** Opening PROVIDED RECORDS block **

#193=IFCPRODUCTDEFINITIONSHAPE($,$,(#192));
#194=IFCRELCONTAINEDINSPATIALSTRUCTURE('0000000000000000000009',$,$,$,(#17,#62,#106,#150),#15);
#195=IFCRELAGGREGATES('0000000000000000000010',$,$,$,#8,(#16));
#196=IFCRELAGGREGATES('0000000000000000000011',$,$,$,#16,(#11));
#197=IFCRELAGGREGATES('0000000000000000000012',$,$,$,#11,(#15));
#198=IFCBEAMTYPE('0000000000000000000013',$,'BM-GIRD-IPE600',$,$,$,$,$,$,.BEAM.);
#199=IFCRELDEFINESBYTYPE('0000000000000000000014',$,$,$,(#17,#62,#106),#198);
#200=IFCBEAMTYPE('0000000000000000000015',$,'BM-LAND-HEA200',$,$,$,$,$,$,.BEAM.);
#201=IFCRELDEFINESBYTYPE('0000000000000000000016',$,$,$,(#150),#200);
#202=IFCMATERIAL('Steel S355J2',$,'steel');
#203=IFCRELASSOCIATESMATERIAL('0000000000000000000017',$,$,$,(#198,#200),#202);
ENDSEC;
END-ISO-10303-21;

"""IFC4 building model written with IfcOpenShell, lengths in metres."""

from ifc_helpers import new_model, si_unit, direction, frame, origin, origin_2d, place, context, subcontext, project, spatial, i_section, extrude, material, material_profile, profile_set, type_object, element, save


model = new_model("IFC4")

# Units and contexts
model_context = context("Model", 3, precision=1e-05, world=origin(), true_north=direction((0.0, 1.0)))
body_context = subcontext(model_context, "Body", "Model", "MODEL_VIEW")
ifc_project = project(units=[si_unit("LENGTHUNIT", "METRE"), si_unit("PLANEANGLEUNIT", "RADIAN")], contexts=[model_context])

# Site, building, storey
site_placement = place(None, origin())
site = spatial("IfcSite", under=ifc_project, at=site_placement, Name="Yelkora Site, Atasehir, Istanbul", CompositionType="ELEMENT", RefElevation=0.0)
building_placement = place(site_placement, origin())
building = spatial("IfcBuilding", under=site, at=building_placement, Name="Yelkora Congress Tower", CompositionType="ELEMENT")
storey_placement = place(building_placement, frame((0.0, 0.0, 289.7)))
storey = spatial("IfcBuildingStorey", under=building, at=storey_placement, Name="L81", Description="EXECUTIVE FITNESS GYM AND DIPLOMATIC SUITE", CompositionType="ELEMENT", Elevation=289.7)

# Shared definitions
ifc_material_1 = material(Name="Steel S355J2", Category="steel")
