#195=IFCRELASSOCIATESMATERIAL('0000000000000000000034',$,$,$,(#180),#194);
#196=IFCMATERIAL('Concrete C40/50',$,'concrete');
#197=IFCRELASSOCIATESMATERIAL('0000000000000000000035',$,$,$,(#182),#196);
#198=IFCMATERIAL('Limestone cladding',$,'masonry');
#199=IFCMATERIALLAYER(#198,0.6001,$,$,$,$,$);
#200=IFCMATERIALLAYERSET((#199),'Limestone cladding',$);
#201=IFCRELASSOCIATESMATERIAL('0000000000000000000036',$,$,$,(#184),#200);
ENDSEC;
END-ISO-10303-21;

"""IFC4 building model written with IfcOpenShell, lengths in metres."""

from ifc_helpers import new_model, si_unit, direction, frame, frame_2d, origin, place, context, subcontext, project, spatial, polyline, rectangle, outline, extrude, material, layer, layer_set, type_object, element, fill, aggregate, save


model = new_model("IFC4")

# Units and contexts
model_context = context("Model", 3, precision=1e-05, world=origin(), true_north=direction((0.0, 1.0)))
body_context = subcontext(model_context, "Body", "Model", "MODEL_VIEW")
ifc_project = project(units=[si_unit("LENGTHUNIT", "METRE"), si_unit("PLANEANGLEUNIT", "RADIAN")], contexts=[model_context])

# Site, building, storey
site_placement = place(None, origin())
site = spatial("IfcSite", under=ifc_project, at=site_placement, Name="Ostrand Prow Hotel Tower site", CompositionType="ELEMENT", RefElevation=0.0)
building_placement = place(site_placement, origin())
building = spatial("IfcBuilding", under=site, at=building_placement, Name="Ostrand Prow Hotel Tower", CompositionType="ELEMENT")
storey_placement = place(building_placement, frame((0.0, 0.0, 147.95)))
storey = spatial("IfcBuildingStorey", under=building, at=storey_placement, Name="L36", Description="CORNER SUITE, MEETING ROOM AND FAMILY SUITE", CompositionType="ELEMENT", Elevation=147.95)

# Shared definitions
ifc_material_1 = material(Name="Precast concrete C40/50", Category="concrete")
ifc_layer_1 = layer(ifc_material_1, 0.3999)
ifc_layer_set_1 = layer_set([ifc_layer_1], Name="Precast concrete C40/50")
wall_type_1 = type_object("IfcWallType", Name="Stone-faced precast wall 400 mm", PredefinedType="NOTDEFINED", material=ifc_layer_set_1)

** Closing PROVIDED RECORDS block **

Set down, word for word, each line from the top of the records above through the line with "#196=IFCMATERIAL('Concrete C40/50',$,'concrete');".

YOUR SOLUTION
#193=IFCPRODUCTDEFINITIONSHAPE($,$,(#192));
#194=IFCRELCONTAINEDINSPATIALSTRUCTURE('0000000000000000000009',$,$,$,(#17,#62,#106,#150),#15);
#195=IFCRELAGGREGATES('0000000000000000000010',$,$,$,#8,(#16));
#196=IFCRELAGGREGATES('0000000000000000000011',$,$,$,#16,(#11));
#197=IFCRELAGGREGATES('0000000000000000000012',$,$,$,#11,(#15));
#198=IFCBEAMTYPE('0000000000000000000013',$,'BM-GIRD-IPE600',$,$,$,$,$,$,.BEAM.);
#199=IFCRELDEFINESBYTYPE('0000000000000000000014',$,$,$,(#17,#62,#106),#198);
#200=IFCBEAMTYPE('0000000000000000000015',$,'BM-LAND-HEA200',$,$,$,$,$,$,.BEAM.);
#201=IFCRELDEFINESBYTYPE('0000000000000000000016',$,$,$,(#150),#200);
#202=IFCMATERIAL('Steel S355J2',$,'steel');
#203=IFCRELASSOCIATESMATERIAL('0000000000000000000017',$,$,$,(#198,#200),#202);
ENDSEC;
END-ISO-10303-21;

"""IFC4 building model written with IfcOpenShell, lengths in metres."""

from ifc_helpers import new_model, si_unit, direction, frame, origin, origin_2d, place, context, subcontext, project, spatial, i_section, extrude, material, material_profile, profile_set, type_object, element, save


model = new_model("IFC4")

# Units and contexts
model_context = context("Model", 3, precision=1e-05, world=origin(), true_north=direction((0.0, 1.0)))
body_context = subcontext(model_context, "Body", "Model", "MODEL_VIEW")
ifc_project = project(units=[si_unit("LENGTHUNIT", "METRE"), si_unit("PLANEANGLEUNIT", "RADIAN")], contexts=[model_context])

# Site, building, storey
site_placement = place(None, origin())
site = spatial("IfcSite", under=ifc_project, at=site_placement, Name="Yelkora Site, Atasehir, Istanbul", CompositionType="ELEMENT", RefElevation=0.0)
building_placement = place(site_placement, origin())
building = spatial("IfcBuilding", under=site, at=building_placement, Name="Yelkora Congress Tower", CompositionType="ELEMENT")
storey_placement = place(building_placement, frame((0.0, 0.0, 289.7)))
storey = spatial("IfcBuildingStorey", under=building, at=storey_placement, Name="L81", Description="EXECUTIVE FITNESS GYM AND DIPLOMATIC SUITE", CompositionType="ELEMENT", Elevation=289.7)

# Shared definitions
ifc_material_1 = material(Name="Steel S355J2", Category="steel")
#195=IFCRELASSOCIATESMATERIAL('0000000000000000000034',$,$,$,(#180),#194);
#196=IFCMATERIAL('Concrete C40/50',$,'concrete');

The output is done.